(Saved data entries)
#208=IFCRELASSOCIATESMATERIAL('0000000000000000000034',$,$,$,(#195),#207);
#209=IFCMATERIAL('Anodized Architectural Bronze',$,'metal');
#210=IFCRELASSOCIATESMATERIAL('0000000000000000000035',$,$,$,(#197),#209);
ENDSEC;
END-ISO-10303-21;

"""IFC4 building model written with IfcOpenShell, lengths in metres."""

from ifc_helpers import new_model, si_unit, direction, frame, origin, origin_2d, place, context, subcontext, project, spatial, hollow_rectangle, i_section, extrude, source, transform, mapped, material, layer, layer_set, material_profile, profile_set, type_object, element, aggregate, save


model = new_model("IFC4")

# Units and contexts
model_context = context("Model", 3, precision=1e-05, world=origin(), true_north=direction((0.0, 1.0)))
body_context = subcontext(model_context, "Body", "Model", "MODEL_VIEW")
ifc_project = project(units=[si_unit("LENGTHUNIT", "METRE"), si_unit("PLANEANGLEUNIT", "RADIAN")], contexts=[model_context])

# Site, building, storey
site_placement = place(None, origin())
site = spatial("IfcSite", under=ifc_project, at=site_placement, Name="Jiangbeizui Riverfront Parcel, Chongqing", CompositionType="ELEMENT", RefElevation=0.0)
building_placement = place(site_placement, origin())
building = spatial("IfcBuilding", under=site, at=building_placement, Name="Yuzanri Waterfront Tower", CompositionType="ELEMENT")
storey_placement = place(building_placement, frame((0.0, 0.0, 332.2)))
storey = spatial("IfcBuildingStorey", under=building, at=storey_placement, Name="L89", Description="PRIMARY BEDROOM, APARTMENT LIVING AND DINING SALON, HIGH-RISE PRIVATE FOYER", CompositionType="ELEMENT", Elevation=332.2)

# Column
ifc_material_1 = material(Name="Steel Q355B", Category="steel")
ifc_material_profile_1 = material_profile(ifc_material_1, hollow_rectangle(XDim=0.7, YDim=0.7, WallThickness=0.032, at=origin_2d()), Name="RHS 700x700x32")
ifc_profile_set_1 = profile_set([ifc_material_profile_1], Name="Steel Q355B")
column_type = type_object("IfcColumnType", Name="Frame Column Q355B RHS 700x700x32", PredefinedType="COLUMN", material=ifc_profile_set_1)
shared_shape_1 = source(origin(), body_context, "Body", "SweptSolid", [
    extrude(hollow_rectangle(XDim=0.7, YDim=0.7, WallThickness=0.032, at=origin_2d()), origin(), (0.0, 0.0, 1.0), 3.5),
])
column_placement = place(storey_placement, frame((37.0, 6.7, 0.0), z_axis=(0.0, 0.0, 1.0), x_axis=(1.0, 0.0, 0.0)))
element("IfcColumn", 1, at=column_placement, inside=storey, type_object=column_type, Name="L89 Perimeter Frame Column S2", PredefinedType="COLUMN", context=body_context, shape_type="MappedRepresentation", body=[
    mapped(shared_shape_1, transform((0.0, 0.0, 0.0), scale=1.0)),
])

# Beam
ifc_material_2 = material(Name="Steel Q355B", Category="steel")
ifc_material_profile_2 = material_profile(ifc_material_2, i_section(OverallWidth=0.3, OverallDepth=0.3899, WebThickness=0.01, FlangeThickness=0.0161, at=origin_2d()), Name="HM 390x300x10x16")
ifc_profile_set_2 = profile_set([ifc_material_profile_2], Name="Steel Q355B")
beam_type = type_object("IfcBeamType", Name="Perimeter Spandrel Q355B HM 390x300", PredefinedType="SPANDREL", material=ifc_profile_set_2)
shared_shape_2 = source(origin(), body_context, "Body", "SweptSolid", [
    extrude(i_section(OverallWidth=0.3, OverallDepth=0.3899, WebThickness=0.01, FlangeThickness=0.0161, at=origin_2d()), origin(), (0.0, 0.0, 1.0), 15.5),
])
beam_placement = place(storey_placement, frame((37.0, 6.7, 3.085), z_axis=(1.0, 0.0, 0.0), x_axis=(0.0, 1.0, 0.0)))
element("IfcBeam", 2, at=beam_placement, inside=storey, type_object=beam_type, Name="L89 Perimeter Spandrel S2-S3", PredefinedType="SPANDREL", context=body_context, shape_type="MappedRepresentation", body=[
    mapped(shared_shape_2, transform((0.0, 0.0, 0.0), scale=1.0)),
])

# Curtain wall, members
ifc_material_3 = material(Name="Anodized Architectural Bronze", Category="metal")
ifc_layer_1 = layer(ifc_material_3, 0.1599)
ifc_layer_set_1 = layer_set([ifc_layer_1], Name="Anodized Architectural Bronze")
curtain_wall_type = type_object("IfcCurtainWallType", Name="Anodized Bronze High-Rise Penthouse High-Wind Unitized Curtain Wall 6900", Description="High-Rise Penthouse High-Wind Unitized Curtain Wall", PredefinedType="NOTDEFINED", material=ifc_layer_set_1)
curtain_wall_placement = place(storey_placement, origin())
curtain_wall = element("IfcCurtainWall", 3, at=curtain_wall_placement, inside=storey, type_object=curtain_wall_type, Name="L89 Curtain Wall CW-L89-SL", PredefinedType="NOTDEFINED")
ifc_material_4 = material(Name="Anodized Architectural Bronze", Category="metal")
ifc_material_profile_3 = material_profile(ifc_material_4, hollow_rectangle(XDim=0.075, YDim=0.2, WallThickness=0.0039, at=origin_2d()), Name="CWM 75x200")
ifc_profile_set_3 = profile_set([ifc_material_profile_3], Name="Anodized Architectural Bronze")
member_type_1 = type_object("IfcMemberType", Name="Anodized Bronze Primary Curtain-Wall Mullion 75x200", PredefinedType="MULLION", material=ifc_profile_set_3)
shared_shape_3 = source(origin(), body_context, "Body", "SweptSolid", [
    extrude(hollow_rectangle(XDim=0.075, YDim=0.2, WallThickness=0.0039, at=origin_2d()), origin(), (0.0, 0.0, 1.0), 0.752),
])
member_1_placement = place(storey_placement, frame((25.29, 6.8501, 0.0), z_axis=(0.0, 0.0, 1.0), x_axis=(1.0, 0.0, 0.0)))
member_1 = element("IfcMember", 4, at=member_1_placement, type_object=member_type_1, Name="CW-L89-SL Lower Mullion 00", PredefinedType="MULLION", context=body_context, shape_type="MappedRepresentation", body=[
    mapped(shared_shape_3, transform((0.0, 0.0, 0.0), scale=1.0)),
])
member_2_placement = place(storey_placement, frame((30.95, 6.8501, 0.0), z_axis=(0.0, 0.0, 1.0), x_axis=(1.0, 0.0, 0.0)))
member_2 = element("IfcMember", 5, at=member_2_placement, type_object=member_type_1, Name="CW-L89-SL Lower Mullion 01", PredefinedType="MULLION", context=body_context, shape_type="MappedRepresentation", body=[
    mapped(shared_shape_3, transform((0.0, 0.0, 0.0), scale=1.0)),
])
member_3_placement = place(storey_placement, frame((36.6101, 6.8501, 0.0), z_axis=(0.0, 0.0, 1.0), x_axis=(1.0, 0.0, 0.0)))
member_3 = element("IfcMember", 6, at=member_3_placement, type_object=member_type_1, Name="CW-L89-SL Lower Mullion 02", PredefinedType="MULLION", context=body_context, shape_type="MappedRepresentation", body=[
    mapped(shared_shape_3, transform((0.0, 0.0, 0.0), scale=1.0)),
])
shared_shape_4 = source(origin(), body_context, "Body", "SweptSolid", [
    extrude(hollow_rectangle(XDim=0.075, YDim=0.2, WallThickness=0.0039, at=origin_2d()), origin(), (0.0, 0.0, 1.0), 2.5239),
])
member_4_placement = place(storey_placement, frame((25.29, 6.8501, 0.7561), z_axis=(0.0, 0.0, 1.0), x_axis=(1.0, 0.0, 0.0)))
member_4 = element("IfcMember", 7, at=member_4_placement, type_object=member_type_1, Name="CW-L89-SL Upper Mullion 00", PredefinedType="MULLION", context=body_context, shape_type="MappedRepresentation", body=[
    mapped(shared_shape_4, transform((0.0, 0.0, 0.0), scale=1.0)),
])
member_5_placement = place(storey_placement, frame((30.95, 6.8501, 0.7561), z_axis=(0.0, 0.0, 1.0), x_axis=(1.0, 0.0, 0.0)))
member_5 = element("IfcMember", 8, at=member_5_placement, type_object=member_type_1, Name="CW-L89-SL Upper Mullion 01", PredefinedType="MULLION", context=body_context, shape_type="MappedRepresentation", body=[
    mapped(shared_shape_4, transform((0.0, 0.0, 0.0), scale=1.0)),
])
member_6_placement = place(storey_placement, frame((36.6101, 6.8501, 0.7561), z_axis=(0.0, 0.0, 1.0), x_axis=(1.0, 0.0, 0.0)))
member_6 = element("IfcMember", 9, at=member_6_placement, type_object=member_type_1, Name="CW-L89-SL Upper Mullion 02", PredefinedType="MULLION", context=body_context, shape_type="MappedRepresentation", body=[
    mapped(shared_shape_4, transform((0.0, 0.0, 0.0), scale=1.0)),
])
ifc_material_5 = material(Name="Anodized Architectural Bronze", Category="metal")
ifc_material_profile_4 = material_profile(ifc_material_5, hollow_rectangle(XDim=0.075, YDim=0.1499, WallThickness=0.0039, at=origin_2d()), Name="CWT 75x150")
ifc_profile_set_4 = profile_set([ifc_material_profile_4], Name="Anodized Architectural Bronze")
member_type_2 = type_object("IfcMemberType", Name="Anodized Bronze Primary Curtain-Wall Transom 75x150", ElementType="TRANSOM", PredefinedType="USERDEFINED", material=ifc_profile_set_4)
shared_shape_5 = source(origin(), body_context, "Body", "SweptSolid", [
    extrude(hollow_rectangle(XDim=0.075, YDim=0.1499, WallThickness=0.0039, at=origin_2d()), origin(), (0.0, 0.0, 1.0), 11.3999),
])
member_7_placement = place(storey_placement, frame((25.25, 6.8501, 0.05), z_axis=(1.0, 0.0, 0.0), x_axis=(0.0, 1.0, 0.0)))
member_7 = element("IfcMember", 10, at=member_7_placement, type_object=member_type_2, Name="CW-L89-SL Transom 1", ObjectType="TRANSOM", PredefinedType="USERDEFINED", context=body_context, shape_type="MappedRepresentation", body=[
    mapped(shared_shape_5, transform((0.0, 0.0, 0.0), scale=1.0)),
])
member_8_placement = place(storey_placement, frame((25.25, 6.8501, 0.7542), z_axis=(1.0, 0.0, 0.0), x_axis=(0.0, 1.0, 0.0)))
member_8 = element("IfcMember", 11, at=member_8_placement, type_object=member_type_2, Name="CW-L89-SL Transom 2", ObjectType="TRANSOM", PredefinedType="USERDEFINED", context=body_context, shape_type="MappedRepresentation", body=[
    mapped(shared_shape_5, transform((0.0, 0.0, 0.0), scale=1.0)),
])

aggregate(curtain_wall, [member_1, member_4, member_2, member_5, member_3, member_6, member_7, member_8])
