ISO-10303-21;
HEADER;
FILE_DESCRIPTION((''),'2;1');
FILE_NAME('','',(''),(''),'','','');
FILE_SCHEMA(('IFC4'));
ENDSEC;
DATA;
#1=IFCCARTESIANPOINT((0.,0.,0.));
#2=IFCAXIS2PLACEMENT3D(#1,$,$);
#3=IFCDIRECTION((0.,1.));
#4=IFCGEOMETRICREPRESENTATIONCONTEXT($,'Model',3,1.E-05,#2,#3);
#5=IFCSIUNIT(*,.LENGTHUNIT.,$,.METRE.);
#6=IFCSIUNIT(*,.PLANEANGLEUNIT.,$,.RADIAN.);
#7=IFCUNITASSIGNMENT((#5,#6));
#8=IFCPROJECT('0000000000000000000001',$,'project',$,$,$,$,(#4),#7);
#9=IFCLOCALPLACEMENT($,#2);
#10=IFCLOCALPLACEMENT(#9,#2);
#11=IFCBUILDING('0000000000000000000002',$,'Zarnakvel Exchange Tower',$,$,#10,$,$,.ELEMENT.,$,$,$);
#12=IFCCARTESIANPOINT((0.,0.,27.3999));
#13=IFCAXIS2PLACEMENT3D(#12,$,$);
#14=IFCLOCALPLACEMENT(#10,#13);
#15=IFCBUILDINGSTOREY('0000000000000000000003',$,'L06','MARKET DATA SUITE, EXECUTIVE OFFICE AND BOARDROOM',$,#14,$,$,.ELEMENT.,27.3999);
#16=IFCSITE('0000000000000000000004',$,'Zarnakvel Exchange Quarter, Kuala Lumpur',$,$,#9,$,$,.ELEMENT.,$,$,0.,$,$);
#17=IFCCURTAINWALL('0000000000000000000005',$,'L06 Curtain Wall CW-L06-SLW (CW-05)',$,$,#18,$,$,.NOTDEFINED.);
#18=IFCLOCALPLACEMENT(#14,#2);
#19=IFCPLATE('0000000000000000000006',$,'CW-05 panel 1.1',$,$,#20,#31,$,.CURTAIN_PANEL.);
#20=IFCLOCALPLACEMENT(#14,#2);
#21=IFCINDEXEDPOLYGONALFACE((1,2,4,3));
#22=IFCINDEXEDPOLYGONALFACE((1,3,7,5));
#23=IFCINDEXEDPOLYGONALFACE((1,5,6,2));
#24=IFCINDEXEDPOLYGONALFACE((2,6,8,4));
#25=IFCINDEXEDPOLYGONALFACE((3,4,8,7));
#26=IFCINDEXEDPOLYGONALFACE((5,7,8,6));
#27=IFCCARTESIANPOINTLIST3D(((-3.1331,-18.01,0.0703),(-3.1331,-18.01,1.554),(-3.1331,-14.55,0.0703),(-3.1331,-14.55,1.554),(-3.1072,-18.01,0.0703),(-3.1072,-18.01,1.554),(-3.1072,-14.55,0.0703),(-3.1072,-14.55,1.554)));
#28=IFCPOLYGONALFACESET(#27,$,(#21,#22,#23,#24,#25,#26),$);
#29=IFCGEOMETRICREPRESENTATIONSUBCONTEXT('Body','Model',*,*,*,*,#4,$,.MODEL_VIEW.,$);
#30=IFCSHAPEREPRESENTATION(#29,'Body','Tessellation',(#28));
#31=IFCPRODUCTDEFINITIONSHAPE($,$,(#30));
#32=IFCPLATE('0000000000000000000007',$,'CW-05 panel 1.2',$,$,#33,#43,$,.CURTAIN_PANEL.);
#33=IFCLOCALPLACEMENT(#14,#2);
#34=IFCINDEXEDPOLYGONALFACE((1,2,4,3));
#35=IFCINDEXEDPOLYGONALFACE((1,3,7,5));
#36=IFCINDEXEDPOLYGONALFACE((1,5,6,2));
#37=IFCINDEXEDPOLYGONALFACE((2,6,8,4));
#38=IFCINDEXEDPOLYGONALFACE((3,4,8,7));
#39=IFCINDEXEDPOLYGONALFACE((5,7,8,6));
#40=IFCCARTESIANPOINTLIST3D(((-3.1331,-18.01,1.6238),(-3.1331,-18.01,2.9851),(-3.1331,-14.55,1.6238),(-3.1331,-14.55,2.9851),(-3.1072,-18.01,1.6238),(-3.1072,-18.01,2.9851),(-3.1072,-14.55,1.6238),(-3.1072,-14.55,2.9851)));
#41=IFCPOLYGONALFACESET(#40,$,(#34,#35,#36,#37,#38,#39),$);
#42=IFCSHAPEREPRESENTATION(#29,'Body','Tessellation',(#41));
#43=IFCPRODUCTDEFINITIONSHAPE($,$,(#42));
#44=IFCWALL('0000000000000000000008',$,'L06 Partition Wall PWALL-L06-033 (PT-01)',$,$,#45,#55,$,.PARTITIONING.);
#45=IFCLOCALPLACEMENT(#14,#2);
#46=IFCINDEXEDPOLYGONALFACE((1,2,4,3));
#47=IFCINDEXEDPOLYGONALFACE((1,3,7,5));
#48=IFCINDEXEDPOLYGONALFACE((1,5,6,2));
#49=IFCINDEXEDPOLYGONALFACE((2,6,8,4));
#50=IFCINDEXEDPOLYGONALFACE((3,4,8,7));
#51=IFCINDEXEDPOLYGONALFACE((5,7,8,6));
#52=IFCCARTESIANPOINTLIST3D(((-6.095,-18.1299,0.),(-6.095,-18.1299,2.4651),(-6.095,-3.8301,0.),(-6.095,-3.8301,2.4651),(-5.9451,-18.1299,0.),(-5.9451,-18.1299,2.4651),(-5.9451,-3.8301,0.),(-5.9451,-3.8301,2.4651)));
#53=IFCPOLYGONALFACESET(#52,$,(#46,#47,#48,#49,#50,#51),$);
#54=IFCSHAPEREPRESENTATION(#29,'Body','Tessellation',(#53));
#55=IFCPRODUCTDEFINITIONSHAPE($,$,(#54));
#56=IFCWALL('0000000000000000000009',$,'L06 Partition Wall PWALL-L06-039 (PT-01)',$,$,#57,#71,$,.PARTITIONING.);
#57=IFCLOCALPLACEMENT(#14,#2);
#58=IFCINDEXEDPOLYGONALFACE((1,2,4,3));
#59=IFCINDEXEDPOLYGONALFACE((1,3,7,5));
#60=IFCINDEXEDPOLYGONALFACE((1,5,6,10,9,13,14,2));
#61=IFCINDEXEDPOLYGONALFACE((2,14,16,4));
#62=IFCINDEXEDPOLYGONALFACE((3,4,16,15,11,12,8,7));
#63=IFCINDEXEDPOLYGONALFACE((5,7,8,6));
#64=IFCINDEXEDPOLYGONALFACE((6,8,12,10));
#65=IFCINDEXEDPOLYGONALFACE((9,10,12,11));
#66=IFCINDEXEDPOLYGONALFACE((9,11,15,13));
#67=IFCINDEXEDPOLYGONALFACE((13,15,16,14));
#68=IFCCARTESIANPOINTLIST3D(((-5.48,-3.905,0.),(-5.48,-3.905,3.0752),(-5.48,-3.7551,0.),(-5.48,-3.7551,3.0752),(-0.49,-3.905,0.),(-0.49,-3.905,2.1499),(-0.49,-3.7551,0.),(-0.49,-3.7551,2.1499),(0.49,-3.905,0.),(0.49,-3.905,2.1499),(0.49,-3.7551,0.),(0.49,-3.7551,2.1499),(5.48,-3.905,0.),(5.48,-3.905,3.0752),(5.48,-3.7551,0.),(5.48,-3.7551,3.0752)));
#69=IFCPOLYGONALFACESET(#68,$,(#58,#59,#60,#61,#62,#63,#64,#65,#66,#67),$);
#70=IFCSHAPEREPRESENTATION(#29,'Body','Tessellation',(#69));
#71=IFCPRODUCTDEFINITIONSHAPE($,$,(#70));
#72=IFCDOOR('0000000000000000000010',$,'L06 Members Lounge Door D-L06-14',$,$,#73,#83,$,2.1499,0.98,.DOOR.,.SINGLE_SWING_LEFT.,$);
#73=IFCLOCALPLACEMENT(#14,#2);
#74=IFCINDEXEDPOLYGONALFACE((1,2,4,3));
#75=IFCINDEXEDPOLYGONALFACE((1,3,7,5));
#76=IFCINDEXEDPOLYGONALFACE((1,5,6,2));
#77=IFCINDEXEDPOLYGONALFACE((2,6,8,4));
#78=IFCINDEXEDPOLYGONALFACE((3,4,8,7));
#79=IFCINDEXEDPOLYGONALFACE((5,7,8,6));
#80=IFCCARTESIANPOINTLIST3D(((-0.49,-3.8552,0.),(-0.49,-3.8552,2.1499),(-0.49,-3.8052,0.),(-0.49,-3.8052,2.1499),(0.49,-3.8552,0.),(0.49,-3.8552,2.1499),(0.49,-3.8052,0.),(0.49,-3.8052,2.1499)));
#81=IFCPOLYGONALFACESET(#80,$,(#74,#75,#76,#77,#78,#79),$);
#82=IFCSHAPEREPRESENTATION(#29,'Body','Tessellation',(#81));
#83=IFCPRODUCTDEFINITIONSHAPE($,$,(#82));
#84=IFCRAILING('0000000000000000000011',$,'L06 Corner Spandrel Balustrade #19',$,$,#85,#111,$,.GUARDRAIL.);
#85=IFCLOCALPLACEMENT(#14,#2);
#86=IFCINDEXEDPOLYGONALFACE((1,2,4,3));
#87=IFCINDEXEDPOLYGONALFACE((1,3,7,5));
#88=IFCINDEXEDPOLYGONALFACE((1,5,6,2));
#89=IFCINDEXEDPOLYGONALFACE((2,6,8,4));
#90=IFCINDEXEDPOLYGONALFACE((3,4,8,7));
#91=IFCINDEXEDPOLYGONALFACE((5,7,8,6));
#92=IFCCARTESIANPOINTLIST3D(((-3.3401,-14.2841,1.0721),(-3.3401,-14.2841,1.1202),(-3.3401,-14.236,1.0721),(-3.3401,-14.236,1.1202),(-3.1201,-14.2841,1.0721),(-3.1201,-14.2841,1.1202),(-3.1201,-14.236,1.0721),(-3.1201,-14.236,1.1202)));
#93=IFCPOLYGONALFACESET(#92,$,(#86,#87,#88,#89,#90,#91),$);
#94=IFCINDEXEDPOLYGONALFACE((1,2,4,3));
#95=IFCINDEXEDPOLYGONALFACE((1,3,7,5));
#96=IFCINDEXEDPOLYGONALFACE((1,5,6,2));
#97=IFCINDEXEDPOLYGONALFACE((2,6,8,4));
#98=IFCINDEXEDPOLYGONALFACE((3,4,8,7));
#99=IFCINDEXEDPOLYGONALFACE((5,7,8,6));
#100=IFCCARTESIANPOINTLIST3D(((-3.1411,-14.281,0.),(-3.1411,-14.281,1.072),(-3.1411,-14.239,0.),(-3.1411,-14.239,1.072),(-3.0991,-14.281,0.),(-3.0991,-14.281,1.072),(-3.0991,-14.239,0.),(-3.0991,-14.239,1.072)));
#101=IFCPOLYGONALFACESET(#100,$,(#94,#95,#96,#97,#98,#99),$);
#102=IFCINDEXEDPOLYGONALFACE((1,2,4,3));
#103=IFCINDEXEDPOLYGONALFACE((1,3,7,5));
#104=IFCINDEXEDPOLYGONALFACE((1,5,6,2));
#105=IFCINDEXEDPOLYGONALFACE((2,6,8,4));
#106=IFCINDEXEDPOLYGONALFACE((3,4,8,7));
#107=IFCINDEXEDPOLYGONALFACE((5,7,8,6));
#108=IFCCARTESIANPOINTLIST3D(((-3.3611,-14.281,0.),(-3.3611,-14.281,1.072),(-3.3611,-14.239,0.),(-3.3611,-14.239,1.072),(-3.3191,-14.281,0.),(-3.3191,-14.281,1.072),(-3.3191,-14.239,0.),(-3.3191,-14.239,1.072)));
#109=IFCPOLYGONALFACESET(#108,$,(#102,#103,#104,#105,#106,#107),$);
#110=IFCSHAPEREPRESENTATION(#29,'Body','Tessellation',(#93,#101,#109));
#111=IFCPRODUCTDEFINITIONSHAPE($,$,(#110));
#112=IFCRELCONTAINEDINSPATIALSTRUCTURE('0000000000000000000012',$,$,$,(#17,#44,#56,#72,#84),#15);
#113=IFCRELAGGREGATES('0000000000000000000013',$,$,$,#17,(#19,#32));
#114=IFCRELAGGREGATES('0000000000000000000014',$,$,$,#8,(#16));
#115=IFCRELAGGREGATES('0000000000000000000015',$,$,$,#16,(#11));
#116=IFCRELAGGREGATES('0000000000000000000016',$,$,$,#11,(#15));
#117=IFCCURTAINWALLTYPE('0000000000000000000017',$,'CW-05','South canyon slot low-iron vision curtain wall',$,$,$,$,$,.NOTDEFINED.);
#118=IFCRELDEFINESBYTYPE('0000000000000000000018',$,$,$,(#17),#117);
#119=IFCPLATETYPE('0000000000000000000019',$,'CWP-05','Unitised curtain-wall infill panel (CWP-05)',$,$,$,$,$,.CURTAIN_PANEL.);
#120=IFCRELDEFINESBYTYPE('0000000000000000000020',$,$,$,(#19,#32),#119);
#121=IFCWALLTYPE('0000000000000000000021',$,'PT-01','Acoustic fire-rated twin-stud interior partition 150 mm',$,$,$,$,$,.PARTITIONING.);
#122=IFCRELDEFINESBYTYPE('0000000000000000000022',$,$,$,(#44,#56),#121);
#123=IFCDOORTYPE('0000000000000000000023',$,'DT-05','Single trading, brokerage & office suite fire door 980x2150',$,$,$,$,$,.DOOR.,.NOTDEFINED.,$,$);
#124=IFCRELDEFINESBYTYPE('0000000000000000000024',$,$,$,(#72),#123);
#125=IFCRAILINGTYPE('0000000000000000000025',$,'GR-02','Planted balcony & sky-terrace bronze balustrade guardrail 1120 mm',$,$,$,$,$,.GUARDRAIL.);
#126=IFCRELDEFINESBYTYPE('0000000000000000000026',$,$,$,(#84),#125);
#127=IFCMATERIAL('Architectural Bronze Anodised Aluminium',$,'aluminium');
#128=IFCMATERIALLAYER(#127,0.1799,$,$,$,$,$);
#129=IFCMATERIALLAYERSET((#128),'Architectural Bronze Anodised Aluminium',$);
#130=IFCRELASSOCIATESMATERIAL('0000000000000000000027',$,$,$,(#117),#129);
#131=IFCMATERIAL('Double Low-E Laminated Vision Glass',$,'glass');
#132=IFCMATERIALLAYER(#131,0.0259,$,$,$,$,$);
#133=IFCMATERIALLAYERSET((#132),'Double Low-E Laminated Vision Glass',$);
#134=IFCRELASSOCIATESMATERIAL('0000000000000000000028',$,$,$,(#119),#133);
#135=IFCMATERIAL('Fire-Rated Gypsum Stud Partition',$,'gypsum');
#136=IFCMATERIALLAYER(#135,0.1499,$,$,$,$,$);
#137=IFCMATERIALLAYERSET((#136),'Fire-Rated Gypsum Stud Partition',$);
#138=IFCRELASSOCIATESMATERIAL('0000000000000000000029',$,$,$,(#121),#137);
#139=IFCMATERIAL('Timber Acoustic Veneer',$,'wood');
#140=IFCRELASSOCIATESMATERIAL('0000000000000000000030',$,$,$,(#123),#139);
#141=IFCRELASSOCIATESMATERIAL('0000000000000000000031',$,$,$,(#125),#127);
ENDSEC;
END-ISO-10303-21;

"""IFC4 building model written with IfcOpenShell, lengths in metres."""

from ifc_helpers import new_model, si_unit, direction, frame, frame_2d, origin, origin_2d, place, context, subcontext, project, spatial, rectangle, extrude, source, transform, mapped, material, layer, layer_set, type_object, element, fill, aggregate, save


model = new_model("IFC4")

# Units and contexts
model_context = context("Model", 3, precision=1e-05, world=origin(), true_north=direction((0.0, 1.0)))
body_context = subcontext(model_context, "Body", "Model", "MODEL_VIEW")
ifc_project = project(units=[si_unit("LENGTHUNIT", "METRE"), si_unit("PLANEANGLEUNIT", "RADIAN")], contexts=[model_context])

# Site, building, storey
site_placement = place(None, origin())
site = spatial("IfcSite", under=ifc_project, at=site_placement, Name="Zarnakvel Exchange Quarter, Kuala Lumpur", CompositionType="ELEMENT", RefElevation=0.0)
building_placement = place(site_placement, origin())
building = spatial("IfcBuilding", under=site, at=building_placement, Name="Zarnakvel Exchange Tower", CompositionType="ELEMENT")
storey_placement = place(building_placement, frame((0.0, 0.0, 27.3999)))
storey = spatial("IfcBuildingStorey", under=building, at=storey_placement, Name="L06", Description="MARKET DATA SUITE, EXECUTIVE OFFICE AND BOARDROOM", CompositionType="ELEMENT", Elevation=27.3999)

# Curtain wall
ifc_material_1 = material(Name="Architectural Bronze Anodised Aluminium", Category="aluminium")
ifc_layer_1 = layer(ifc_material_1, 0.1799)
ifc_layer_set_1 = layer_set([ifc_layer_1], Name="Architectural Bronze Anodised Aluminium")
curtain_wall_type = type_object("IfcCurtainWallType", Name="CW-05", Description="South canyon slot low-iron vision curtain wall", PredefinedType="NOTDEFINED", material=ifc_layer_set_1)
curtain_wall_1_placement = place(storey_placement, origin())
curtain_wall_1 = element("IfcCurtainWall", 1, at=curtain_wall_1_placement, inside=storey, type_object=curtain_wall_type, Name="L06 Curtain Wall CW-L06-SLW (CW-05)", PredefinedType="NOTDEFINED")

TASK DETAILS => In the entries above, find the line holding "FILE_DESCRIPTION((''),'2;1');" and the line holding "#18=IFCLOCALPLACEMENT(#14,#2);"; print both of them and every line between, exactly, and nothing else.

TASK SOLUTION =>
FILE_DESCRIPTION((''),'2;1');
FILE_NAME('','',(''),(''),'','','');
FILE_SCHEMA(('IFC4'));
ENDSEC;
DATA;
#1=IFCCARTESIANPOINT((0.,0.,0.));
#2=IFCAXIS2PLACEMENT3D(#1,$,$);
#3=IFCDIRECTION((0.,1.));
#4=IFCGEOMETRICREPRESENTATIONCONTEXT($,'Model',3,1.E-05,#2,#3);
#5=IFCSIUNIT(*,.LENGTHUNIT.,$,.METRE.);
#6=IFCSIUNIT(*,.PLANEANGLEUNIT.,$,.RADIAN.);
#7=IFCUNITASSIGNMENT((#5,#6));
#8=IFCPROJECT('0000000000000000000001',$,'project',$,$,$,$,(#4),#7);
#9=IFCLOCALPLACEMENT($,#2);
#10=IFCLOCALPLACEMENT(#9,#2);
#11=IFCBUILDING('0000000000000000000002',$,'Zarnakvel Exchange Tower',$,$,#10,$,$,.ELEMENT.,$,$,$);
#12=IFCCARTESIANPOINT((0.,0.,27.3999));
#13=IFCAXIS2PLACEMENT3D(#12,$,$);
#14=IFCLOCALPLACEMENT(#10,#13);
#15=IFCBUILDINGSTOREY('0000000000000000000003',$,'L06','MARKET DATA SUITE, EXECUTIVE OFFICE AND BOARDROOM',$,#14,$,$,.ELEMENT.,27.3999);
#16=IFCSITE('0000000000000000000004',$,'Zarnakvel Exchange Quarter, Kuala Lumpur',$,$,#9,$,$,.ELEMENT.,$,$,0.,$,$);
#17=IFCCURTAINWALL('0000000000000000000005',$,'L06 Curtain Wall CW-L06-SLW (CW-05)',$,$,#18,$,$,.NOTDEFINED.);
#18=IFCLOCALPLACEMENT(#14,#2);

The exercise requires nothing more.